**Exercise description:** Take the entries below and print only the lines from the one with "#215=IFCMATERIAL(' Champagne anodised" through the one with "building model written", exactly as they stand, both ends included.

**Listed entries:**
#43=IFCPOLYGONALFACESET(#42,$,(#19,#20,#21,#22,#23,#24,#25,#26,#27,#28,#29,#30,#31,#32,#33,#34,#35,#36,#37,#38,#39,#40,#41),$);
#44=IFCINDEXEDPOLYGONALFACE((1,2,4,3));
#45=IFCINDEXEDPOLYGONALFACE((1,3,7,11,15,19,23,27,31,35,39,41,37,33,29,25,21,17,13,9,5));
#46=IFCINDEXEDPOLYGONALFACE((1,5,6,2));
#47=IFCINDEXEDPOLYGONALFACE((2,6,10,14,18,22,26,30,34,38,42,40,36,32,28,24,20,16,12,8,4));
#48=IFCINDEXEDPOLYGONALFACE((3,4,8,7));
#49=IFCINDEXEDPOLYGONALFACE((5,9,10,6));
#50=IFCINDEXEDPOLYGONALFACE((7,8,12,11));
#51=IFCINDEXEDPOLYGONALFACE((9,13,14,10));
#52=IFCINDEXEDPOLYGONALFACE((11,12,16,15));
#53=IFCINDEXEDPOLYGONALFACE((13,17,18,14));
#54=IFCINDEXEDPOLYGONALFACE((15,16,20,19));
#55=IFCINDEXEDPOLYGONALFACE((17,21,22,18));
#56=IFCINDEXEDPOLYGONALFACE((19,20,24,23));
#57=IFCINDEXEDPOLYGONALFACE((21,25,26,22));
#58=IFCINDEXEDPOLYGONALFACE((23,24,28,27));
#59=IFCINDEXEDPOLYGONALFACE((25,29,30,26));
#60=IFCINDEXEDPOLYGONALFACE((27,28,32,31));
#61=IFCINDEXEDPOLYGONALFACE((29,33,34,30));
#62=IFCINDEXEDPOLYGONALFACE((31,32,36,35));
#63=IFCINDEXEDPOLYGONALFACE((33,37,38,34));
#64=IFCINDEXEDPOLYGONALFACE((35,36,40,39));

* * *

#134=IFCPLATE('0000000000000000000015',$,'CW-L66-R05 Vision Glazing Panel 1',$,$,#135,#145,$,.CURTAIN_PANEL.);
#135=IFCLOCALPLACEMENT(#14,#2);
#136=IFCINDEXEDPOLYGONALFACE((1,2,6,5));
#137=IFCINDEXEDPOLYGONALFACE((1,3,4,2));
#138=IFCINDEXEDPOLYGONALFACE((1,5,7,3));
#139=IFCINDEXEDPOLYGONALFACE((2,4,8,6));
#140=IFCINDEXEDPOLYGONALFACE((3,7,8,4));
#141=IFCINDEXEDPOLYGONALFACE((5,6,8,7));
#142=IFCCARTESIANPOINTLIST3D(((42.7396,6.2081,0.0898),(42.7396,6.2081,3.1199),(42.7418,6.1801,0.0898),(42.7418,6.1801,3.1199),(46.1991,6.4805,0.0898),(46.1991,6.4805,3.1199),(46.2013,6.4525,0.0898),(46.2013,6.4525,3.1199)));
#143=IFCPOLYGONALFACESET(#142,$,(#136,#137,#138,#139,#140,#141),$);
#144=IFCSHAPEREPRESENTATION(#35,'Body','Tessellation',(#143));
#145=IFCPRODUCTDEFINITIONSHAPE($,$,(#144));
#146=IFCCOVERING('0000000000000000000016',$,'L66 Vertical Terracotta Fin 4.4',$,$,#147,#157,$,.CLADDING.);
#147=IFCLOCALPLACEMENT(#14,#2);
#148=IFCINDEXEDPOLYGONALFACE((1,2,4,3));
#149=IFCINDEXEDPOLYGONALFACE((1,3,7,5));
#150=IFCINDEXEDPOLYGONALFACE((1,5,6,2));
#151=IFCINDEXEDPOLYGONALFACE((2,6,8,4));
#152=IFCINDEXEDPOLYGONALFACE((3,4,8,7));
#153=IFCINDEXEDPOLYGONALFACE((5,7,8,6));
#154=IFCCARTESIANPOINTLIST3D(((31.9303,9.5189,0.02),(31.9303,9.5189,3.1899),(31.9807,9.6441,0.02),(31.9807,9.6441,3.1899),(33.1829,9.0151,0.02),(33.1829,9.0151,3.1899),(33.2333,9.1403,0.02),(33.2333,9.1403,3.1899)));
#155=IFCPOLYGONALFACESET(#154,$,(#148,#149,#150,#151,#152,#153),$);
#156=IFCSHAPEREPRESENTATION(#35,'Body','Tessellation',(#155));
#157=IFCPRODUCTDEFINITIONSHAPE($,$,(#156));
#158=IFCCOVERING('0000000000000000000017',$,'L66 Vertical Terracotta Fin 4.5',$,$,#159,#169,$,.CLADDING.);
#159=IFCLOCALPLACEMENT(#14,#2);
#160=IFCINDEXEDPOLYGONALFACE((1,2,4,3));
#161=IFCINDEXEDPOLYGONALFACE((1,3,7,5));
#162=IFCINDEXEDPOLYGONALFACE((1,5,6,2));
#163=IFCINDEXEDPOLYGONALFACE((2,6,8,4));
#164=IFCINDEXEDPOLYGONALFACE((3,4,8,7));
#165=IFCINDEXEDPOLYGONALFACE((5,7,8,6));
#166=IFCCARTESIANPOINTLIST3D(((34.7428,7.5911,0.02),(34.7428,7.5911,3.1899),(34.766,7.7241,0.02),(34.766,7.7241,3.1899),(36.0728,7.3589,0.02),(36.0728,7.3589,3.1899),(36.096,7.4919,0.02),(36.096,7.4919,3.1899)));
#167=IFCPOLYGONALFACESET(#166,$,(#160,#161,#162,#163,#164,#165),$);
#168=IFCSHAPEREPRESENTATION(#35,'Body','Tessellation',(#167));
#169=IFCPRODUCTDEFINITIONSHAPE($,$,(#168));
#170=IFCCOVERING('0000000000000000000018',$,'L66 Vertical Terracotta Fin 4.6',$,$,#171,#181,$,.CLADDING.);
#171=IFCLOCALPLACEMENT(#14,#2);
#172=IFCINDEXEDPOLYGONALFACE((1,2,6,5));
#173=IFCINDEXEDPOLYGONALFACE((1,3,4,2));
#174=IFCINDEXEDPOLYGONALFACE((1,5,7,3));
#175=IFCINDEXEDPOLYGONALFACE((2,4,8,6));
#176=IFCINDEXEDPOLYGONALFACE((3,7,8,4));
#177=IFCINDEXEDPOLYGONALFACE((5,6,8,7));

* * *

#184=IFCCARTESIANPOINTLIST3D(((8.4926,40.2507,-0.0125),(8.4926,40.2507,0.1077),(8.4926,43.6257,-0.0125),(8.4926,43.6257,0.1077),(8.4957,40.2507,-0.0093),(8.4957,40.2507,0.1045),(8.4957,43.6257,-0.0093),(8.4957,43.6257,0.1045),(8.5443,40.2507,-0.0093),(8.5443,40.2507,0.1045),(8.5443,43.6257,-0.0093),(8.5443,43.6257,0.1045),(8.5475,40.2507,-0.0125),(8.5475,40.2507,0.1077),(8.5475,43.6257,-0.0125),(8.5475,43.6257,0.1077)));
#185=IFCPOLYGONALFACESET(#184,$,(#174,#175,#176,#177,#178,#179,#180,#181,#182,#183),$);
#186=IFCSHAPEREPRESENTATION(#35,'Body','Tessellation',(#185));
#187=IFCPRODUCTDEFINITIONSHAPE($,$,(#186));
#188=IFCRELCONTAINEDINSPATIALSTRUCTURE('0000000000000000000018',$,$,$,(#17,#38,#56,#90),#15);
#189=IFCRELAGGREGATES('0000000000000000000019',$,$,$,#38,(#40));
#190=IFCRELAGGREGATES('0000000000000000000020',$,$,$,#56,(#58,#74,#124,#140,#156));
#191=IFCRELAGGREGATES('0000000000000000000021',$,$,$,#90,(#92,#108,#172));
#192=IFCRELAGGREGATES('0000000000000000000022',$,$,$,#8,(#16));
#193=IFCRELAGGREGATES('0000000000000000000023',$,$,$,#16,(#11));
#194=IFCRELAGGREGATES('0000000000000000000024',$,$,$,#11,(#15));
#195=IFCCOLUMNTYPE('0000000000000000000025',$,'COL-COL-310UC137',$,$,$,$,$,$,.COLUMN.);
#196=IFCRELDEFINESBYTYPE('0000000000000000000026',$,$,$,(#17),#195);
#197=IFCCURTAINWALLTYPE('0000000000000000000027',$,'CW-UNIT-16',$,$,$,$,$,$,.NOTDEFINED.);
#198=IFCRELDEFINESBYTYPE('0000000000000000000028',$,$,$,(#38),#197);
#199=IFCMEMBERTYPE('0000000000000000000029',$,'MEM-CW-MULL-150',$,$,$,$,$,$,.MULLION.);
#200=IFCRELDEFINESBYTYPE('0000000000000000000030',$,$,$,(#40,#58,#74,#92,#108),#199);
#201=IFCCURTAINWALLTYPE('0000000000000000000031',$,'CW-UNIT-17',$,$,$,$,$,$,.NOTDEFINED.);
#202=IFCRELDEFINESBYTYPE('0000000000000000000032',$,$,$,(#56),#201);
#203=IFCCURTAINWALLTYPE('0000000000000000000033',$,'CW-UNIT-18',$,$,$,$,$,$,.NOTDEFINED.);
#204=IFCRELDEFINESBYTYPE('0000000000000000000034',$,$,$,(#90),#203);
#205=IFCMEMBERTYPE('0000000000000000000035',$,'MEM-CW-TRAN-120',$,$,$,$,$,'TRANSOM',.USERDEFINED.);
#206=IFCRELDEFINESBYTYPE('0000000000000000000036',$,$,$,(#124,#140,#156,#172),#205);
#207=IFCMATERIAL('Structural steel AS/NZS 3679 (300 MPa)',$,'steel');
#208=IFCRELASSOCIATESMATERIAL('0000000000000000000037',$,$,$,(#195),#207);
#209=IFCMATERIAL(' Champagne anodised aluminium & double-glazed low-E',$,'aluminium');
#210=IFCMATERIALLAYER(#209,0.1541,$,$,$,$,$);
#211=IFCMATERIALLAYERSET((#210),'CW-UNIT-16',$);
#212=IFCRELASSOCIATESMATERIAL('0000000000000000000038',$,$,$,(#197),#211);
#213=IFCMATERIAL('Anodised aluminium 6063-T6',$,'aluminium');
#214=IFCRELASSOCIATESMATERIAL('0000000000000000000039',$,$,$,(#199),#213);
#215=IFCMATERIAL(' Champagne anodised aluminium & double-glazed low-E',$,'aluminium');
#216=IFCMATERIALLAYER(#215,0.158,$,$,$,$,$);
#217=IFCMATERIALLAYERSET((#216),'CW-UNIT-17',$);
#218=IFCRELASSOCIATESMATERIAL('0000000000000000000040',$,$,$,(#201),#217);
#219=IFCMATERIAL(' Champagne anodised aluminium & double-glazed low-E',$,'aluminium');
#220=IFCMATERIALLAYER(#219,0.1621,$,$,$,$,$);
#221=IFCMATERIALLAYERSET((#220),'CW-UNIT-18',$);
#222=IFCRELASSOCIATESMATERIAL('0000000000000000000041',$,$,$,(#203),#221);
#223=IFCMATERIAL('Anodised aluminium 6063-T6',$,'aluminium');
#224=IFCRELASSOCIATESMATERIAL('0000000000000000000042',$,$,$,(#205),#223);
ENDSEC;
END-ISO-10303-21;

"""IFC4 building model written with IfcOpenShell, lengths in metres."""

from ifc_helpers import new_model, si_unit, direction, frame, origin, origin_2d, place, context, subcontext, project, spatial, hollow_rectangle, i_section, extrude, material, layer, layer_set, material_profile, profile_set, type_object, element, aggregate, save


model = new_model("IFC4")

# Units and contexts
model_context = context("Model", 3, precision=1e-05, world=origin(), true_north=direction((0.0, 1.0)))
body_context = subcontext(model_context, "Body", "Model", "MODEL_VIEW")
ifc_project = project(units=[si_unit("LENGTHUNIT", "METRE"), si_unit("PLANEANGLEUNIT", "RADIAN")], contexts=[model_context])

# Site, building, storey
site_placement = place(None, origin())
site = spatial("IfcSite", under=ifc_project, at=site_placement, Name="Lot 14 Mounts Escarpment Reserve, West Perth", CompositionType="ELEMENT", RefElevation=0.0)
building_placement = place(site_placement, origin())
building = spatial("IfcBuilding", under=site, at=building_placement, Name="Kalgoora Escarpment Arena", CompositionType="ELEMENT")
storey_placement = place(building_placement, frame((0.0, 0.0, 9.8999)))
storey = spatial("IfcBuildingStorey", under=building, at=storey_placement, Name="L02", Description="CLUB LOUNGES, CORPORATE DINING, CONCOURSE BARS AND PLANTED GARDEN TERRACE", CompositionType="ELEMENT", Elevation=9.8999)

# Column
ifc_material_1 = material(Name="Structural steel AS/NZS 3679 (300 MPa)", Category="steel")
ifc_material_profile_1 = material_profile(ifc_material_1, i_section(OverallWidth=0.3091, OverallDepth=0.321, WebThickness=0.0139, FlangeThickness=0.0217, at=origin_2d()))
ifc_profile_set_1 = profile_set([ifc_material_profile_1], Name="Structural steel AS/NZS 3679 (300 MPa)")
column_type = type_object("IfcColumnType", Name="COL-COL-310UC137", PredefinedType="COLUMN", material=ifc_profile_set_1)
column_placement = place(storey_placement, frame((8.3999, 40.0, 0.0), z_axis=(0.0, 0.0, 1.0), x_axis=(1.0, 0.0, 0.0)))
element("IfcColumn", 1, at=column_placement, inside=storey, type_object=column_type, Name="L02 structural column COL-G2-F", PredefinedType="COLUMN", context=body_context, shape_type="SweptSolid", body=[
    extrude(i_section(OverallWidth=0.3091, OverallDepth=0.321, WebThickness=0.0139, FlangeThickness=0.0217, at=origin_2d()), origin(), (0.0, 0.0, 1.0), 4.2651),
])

**Finished exercise:**
#215=IFCMATERIAL(' Champagne anodised aluminium & double-glazed low-E',$,'aluminium');
#216=IFCMATERIALLAYER(#215,0.158,$,$,$,$,$);
#217=IFCMATERIALLAYERSET((#216),'CW-UNIT-17',$);
#218=IFCRELASSOCIATESMATERIAL('0000000000000000000040',$,$,$,(#201),#217);
#219=IFCMATERIAL(' Champagne anodised aluminium & double-glazed low-E',$,'aluminium');
#220=IFCMATERIALLAYER(#219,0.1621,$,$,$,$,$);
#221=IFCMATERIALLAYERSET((#220),'CW-UNIT-18',$);
#222=IFCRELASSOCIATESMATERIAL('0000000000000000000041',$,$,$,(#203),#221);
#223=IFCMATERIAL('Anodised aluminium 6063-T6',$,'aluminium');
#224=IFCRELASSOCIATESMATERIAL('0000000000000000000042',$,$,$,(#205),#223);
ENDSEC;
END-ISO-10303-21;

"""IFC4 building model written with IfcOpenShell, lengths in metres."""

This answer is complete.